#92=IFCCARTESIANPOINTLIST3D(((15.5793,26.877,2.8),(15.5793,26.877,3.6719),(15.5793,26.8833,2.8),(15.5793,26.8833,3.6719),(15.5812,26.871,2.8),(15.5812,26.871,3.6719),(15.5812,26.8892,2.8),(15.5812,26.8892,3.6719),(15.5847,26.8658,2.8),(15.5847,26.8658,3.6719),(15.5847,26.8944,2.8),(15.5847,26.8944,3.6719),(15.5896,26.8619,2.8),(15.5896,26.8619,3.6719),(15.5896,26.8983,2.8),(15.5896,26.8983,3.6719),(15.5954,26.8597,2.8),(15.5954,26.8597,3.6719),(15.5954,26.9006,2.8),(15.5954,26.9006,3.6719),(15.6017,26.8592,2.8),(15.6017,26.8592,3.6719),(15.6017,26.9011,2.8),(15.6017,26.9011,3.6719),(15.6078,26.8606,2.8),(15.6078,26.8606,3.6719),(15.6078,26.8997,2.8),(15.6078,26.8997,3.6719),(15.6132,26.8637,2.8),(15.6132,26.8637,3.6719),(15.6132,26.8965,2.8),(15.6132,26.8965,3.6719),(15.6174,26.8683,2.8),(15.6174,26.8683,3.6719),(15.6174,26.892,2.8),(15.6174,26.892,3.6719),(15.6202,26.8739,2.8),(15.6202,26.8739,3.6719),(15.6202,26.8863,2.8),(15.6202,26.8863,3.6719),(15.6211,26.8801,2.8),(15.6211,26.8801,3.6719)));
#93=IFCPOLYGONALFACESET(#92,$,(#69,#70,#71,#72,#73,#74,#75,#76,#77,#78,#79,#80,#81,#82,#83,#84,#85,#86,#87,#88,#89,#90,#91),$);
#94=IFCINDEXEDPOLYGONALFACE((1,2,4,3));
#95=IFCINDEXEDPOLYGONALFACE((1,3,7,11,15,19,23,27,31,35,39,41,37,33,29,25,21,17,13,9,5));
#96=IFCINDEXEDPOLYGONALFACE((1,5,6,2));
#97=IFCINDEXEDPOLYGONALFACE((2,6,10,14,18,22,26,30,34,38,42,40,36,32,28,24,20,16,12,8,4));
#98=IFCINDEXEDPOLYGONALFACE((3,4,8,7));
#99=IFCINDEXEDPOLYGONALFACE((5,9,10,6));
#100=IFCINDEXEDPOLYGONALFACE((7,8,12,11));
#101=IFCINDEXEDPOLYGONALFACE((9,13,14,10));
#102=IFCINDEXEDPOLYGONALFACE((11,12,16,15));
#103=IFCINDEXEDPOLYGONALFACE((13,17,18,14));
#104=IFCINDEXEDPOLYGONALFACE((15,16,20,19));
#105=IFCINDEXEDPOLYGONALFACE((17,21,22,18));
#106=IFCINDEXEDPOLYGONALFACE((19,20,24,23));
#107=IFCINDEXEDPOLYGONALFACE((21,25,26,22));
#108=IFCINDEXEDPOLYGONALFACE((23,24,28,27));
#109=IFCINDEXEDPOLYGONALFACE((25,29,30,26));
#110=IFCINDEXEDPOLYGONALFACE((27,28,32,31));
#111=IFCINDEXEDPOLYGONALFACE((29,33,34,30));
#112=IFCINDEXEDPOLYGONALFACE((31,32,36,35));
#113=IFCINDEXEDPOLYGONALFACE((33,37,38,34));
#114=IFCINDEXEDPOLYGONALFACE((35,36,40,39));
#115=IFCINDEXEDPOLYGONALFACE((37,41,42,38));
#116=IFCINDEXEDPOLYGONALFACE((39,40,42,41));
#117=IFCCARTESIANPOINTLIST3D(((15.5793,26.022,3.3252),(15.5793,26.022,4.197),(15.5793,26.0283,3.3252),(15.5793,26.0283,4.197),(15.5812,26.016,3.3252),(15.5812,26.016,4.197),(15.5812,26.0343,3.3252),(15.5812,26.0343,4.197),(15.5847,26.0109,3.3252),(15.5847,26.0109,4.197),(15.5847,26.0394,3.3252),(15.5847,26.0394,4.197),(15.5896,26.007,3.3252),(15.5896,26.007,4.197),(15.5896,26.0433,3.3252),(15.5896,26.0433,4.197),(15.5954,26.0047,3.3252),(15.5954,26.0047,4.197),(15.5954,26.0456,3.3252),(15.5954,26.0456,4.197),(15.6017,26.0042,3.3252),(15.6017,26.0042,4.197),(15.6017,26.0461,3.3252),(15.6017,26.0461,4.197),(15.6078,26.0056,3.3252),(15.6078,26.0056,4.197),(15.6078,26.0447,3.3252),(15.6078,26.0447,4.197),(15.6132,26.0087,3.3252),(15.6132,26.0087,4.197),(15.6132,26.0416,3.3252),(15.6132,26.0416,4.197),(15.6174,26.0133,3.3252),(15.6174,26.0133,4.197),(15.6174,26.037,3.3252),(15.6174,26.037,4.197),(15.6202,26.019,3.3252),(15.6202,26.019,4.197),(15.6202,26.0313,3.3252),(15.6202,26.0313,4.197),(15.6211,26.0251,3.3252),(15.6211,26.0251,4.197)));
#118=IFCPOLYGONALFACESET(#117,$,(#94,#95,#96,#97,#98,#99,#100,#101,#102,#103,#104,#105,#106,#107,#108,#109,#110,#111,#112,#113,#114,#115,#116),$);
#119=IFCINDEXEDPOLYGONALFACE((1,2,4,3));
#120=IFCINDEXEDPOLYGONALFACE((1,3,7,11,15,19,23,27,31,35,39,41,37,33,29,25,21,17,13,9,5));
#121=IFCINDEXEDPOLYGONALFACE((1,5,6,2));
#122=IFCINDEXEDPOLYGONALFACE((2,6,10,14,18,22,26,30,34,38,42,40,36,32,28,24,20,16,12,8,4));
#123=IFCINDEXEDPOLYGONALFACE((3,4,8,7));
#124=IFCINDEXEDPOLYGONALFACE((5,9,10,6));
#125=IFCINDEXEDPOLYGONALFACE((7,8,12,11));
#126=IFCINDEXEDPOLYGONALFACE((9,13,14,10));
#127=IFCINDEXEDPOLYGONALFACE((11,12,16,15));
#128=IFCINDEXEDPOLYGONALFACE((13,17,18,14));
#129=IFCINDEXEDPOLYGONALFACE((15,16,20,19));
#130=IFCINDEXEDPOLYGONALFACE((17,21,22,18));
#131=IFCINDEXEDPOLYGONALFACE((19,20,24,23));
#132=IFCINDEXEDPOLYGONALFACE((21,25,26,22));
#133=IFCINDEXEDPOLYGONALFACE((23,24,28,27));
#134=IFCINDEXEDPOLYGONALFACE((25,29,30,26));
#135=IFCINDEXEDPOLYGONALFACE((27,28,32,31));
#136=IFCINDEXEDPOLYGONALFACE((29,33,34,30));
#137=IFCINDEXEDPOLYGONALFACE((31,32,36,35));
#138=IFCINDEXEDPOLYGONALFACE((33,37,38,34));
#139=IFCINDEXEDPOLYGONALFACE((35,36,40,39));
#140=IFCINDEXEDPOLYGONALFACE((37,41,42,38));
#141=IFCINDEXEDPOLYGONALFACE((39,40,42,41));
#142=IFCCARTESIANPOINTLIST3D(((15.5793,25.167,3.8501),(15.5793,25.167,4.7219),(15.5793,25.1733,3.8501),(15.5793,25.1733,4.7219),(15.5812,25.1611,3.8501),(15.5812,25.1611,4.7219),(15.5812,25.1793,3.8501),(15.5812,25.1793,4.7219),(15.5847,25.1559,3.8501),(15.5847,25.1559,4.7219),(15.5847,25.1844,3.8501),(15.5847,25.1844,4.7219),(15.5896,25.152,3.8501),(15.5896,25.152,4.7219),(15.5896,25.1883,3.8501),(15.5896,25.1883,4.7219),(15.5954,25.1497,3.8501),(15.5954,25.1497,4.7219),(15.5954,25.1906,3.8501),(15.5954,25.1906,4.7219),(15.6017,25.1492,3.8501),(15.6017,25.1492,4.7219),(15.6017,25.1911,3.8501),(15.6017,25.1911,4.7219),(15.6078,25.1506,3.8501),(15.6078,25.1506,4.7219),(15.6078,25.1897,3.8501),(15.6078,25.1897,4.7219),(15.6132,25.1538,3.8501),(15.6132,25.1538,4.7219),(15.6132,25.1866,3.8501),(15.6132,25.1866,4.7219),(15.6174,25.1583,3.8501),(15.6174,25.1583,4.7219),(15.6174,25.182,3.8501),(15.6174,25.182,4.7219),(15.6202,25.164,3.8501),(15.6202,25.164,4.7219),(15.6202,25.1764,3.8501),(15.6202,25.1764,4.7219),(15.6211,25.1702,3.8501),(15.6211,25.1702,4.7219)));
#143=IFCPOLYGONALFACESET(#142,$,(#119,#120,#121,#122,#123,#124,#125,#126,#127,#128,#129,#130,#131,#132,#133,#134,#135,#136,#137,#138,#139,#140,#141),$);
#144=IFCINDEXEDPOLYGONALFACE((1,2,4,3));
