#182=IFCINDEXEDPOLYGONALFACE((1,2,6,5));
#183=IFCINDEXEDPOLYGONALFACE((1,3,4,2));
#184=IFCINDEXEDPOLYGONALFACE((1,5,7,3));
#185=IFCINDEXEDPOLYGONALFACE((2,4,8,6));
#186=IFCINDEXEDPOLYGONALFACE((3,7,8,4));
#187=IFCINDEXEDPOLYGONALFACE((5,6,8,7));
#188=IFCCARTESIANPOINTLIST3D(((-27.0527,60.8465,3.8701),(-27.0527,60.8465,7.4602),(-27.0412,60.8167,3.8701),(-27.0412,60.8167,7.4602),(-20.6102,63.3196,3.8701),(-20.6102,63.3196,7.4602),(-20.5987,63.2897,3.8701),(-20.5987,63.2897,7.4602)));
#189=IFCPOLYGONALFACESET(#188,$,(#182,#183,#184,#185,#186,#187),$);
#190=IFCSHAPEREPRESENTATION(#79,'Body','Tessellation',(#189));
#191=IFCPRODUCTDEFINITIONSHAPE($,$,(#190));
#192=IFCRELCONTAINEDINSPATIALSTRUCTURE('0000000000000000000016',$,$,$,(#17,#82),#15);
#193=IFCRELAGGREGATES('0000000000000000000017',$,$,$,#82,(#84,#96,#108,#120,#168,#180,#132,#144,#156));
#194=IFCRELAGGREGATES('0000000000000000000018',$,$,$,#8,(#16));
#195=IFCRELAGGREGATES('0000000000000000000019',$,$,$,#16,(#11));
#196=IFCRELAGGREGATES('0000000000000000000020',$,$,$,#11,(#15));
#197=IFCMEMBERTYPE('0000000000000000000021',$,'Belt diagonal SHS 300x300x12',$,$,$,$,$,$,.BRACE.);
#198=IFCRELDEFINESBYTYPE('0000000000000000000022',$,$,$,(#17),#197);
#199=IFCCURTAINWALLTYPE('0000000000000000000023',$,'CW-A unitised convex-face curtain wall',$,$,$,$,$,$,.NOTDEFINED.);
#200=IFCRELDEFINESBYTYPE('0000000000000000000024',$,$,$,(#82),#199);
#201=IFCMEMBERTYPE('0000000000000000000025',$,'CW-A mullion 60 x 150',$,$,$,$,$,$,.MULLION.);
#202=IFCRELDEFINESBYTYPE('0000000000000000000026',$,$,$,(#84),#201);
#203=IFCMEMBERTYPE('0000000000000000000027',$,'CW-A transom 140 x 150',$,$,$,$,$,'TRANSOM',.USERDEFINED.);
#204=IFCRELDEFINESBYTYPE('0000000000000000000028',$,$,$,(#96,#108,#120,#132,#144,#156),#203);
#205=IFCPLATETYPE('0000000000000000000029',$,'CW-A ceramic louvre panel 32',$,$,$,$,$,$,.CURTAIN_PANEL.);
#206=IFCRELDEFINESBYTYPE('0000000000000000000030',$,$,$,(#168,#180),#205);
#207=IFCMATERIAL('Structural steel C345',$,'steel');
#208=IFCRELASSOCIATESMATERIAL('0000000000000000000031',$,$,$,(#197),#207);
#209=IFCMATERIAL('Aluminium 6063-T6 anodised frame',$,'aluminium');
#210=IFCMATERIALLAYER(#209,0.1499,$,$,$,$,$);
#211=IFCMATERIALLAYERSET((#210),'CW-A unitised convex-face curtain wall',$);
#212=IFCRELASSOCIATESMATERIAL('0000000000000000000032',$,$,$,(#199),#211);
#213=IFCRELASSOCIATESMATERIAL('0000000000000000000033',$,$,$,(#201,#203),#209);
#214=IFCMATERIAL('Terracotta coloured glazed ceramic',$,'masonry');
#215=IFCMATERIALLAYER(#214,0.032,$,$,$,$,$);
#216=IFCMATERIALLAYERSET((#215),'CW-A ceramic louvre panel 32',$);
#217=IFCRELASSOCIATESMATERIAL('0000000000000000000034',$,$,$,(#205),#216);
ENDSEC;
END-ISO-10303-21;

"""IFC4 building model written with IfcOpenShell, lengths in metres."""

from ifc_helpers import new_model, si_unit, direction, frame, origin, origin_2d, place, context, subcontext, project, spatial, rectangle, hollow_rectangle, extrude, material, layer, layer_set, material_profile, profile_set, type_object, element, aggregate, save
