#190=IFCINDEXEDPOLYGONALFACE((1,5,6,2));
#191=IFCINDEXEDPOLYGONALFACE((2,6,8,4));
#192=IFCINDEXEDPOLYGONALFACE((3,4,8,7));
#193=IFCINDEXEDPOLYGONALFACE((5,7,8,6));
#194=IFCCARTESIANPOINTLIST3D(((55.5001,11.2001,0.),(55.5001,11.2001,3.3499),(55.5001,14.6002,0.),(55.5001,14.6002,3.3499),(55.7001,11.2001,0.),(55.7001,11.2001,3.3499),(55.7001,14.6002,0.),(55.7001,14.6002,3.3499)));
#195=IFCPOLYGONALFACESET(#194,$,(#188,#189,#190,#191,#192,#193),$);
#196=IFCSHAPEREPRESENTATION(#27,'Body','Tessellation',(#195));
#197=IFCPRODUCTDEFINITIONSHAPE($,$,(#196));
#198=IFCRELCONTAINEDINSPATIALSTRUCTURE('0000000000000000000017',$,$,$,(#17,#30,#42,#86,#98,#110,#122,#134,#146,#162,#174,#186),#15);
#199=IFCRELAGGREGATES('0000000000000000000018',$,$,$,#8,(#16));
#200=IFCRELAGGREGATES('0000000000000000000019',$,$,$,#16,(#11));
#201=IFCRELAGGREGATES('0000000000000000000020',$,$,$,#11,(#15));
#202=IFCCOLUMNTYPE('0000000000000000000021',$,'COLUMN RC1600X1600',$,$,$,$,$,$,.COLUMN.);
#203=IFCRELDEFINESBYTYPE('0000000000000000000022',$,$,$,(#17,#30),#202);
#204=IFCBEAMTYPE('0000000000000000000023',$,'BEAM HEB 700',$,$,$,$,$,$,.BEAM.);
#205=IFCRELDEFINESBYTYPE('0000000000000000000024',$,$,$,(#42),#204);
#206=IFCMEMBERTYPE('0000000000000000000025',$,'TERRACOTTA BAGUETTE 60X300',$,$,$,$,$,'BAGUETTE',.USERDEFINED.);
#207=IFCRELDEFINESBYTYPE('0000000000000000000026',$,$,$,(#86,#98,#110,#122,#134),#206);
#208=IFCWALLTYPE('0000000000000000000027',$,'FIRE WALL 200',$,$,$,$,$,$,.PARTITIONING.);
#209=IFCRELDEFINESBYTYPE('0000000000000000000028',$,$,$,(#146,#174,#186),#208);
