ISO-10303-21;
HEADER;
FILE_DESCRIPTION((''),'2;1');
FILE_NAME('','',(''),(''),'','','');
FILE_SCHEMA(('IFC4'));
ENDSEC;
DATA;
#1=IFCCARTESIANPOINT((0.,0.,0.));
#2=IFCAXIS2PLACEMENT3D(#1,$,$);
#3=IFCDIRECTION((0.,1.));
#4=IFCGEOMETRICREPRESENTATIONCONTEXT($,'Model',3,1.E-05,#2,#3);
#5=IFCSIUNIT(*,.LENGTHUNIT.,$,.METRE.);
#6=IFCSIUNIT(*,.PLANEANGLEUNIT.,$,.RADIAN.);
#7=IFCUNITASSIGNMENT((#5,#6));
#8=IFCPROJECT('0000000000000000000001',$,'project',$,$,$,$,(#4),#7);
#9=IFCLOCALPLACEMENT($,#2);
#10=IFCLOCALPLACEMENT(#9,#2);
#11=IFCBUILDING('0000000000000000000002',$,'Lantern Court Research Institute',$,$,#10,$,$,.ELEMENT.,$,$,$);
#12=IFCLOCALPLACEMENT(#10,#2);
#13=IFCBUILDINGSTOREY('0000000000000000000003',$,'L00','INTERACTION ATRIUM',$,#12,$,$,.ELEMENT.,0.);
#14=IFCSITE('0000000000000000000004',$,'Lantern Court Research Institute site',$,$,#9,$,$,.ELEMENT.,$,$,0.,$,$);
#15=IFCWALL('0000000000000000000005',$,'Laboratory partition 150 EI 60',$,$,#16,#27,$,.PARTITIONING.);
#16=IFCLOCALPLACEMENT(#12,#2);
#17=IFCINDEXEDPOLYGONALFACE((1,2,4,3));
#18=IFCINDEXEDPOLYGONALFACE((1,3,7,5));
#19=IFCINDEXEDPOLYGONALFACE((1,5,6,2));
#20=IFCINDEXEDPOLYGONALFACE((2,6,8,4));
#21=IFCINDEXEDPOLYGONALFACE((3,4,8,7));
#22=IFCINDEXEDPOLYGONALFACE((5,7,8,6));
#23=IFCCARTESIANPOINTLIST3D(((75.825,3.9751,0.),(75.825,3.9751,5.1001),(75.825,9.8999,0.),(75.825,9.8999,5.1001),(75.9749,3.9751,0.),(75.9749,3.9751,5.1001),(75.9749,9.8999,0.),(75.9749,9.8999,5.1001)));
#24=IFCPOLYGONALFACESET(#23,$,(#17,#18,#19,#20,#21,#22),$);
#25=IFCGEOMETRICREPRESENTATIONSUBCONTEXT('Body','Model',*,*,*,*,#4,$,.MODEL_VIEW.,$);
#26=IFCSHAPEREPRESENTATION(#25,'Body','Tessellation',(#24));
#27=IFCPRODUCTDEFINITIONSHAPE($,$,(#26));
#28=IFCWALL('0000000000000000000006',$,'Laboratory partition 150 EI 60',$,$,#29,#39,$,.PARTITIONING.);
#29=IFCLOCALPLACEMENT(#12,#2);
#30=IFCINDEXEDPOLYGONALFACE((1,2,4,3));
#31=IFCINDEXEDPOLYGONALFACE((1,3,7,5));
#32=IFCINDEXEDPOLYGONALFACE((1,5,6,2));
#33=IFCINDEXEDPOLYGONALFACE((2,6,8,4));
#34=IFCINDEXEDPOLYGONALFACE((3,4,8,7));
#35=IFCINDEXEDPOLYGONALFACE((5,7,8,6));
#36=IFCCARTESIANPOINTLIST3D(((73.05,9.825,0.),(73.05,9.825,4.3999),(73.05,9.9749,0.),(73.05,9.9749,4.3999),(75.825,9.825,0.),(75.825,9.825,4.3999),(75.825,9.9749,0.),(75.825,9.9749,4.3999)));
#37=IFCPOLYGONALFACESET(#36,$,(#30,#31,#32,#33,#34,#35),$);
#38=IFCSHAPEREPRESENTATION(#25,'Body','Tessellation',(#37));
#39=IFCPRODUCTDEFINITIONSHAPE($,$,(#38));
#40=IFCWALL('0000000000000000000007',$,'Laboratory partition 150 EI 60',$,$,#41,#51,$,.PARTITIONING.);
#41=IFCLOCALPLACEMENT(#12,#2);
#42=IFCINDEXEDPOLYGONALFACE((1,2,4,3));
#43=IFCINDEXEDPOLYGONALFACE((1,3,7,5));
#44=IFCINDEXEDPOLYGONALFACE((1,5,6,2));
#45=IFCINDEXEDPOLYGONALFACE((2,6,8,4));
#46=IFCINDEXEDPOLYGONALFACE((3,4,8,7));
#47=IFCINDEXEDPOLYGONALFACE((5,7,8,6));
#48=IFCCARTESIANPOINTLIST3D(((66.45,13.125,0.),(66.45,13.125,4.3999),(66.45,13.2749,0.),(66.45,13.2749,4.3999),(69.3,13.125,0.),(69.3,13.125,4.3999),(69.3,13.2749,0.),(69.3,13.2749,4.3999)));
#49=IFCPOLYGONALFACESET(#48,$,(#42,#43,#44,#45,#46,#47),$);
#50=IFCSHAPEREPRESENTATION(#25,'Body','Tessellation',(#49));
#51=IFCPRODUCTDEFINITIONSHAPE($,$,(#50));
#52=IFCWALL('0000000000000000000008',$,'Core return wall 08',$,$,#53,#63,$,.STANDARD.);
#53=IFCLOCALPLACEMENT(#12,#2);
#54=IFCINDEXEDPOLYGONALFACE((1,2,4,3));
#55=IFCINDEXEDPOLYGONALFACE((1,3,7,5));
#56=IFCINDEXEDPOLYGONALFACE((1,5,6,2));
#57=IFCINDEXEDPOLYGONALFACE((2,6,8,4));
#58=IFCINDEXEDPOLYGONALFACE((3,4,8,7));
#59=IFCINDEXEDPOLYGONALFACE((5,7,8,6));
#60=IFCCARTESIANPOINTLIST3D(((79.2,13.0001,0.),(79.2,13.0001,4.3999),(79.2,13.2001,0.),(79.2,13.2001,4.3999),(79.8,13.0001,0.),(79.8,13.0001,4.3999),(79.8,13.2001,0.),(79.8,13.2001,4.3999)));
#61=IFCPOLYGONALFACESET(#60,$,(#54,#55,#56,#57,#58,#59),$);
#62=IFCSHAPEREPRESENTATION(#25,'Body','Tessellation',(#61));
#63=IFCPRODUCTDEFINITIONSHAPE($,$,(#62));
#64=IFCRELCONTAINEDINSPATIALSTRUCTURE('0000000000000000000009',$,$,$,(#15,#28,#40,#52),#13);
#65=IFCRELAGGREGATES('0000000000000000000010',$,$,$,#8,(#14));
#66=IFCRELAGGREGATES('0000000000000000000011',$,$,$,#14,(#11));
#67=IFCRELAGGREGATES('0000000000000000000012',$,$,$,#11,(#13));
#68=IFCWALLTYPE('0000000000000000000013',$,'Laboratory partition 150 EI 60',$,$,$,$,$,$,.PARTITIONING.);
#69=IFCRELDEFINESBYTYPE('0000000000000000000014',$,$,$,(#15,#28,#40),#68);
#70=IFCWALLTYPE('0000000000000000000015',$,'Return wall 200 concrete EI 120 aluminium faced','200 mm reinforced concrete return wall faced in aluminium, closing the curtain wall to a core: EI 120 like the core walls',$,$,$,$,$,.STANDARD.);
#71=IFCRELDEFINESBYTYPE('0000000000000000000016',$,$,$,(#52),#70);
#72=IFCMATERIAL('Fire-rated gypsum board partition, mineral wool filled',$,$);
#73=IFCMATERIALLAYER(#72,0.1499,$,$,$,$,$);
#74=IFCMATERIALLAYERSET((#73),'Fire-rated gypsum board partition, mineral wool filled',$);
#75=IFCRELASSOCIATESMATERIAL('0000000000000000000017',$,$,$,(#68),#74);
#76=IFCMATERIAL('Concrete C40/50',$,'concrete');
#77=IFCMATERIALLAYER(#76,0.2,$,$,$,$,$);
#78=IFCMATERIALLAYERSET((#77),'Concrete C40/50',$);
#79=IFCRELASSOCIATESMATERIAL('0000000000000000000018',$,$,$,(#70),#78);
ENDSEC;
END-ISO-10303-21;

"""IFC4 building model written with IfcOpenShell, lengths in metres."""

from ifc_helpers import new_model, si_unit, direction, frame, frame_2d, origin, place, context, subcontext, project, spatial, rectangle, extrude, material, layer, layer_set, type_object, element, save


model = new_model("IFC4")

# Units and contexts
model_context = context("Model", 3, precision=1e-05, world=origin(), true_north=direction((0.0, 1.0)))
body_context = subcontext(model_context, "Body", "Model", "MODEL_VIEW")
ifc_project = project(units=[si_unit("LENGTHUNIT", "METRE"), si_unit("PLANEANGLEUNIT", "RADIAN")], contexts=[model_context])

# Site, building, storey
site_placement = place(None, origin())
site = spatial("IfcSite", under=ifc_project, at=site_placement, Name="Lantern Court Research Institute site", CompositionType="ELEMENT", RefElevation=0.0)
building_placement = place(site_placement, origin())
building = spatial("IfcBuilding", under=site, at=building_placement, Name="Lantern Court Research Institute", CompositionType="ELEMENT")
storey_placement = place(building_placement, origin())
storey = spatial("IfcBuildingStorey", under=building, at=storey_placement, Name="L00", Description="INTERACTION ATRIUM", CompositionType="ELEMENT", Elevation=0.0)

# Shared definitions
ifc_material_1 = material(Name="Fire-rated gypsum board partition, mineral wool filled")
ifc_layer_1 = layer(ifc_material_1, 0.1499)
ifc_layer_set_1 = layer_set([ifc_layer_1], Name="Fire-rated gypsum board partition, mineral wool filled")
wall_type_1 = type_object("IfcWallType", Name="Laboratory partition 150 EI 60", PredefinedType="PARTITIONING", material=ifc_layer_set_1)

# Walls
wall_1_placement = place(storey_placement, frame((75.8999, 3.9751, 0.0), z_axis=(0.0, 0.0, 1.0), x_axis=(0.0, 1.0, 0.0)))
element("IfcWall", 1, at=wall_1_placement, inside=storey, type_object=wall_type_1, Name="Laboratory partition 150 EI 60", PredefinedType="PARTITIONING", context=body_context, shape_type="SweptSolid", body=[
    extrude(rectangle(XDim=5.9248, YDim=0.1499, at=frame_2d((2.9624, 0.0))), origin(), (0.0, 0.0, 1.0), 5.1001),
])
wall_2_placement = place(storey_placement, frame((75.825, 9.8999, 0.0), z_axis=(0.0, 0.0, 1.0), x_axis=(-1.0, 0.0, 0.0)))
element("IfcWall", 2, at=wall_2_placement, inside=storey, type_object=wall_type_1, Name="Laboratory partition 150 EI 60", PredefinedType="PARTITIONING", context=body_context, shape_type="SweptSolid", body=[
    extrude(rectangle(XDim=2.7749, YDim=0.1499, at=frame_2d((1.3875, 0.0))), origin(), (0.0, 0.0, 1.0), 4.3999),
])

# Walls
wall_3_placement = place(storey_placement, frame((69.3, 13.2, 0.0), z_axis=(0.0, 0.0, 1.0), x_axis=(-1.0, 0.0, 0.0)))
element("IfcWall", 3, at=wall_3_placement, inside=storey, type_object=wall_type_1, Name="Laboratory partition 150 EI 60", PredefinedType="PARTITIONING", context=body_context, shape_type="SweptSolid", body=[
    extrude(rectangle(XDim=2.8501, YDim=0.1499, at=frame_2d((1.425, 0.0))), origin(), (0.0, 0.0, 1.0), 4.3999),
])
ifc_material_2 = material(Name="Concrete C40/50", Category="concrete")
ifc_layer_2 = layer(ifc_material_2, 0.2)
ifc_layer_set_2 = layer_set([ifc_layer_2], Name="Concrete C40/50")
wall_type_2 = type_object("IfcWallType", Name="Return wall 200 concrete EI 120 aluminium faced", Description="200 mm reinforced concrete return wall faced in aluminium, closing the curtain wall to a core: EI 120 like the core walls", PredefinedType="STANDARD", material=ifc_layer_set_2)
wall_4_placement = place(storey_placement, frame((79.2, 13.1001, 0.0), z_axis=(0.0, 0.0, 1.0), x_axis=(1.0, 0.0, 0.0)))
element("IfcWall", 4, at=wall_4_placement, inside=storey, type_object=wall_type_2, Name="Core return wall 08", PredefinedType="STANDARD", context=body_context, shape_type="SweptSolid", body=[
    extrude(rectangle(XDim=0.6001, YDim=0.2, at=frame_2d((0.3, 0.0))), origin(), (0.0, 0.0, 1.0), 4.3999),
])

save(model, "model.ifc")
---
Look above for the line holding "#50=IFCSHAPEREPRESENTATION(#25,'Body','Tessellation',(#49));" and the line holding "#66=IFCRELAGGREGATES('0000000000000000000011',$,$,$,#14,(#11));". Retype both, and every line between them, word for word and nothing else.

#50=IFCSHAPEREPRESENTATION(#25,'Body','Tessellation',(#49));
#51=IFCPRODUCTDEFINITIONSHAPE($,$,(#50));
#52=IFCWALL('0000000000000000000008',$,'Core return wall 08',$,$,#53,#63,$,.STANDARD.);
#53=IFCLOCALPLACEMENT(#12,#2);
#54=IFCINDEXEDPOLYGONALFACE((1,2,4,3));
#55=IFCINDEXEDPOLYGONALFACE((1,3,7,5));
#56=IFCINDEXEDPOLYGONALFACE((1,5,6,2));
#57=IFCINDEXEDPOLYGONALFACE((2,6,8,4));
#58=IFCINDEXEDPOLYGONALFACE((3,4,8,7));
#59=IFCINDEXEDPOLYGONALFACE((5,7,8,6));
#60=IFCCARTESIANPOINTLIST3D(((79.2,13.0001,0.),(79.2,13.0001,4.3999),(79.2,13.2001,0.),(79.2,13.2001,4.3999),(79.8,13.0001,0.),(79.8,13.0001,4.3999),(79.8,13.2001,0.),(79.8,13.2001,4.3999)));
#61=IFCPOLYGONALFACESET(#60,$,(#54,#55,#56,#57,#58,#59),$);
#62=IFCSHAPEREPRESENTATION(#25,'Body','Tessellation',(#61));
#63=IFCPRODUCTDEFINITIONSHAPE($,$,(#62));
#64=IFCRELCONTAINEDINSPATIALSTRUCTURE('0000000000000000000009',$,$,$,(#15,#28,#40,#52),#13);
#65=IFCRELAGGREGATES('0000000000000000000010',$,$,$,#8,(#14));
#66=IFCRELAGGREGATES('0000000000000000000011',$,$,$,#14,(#11));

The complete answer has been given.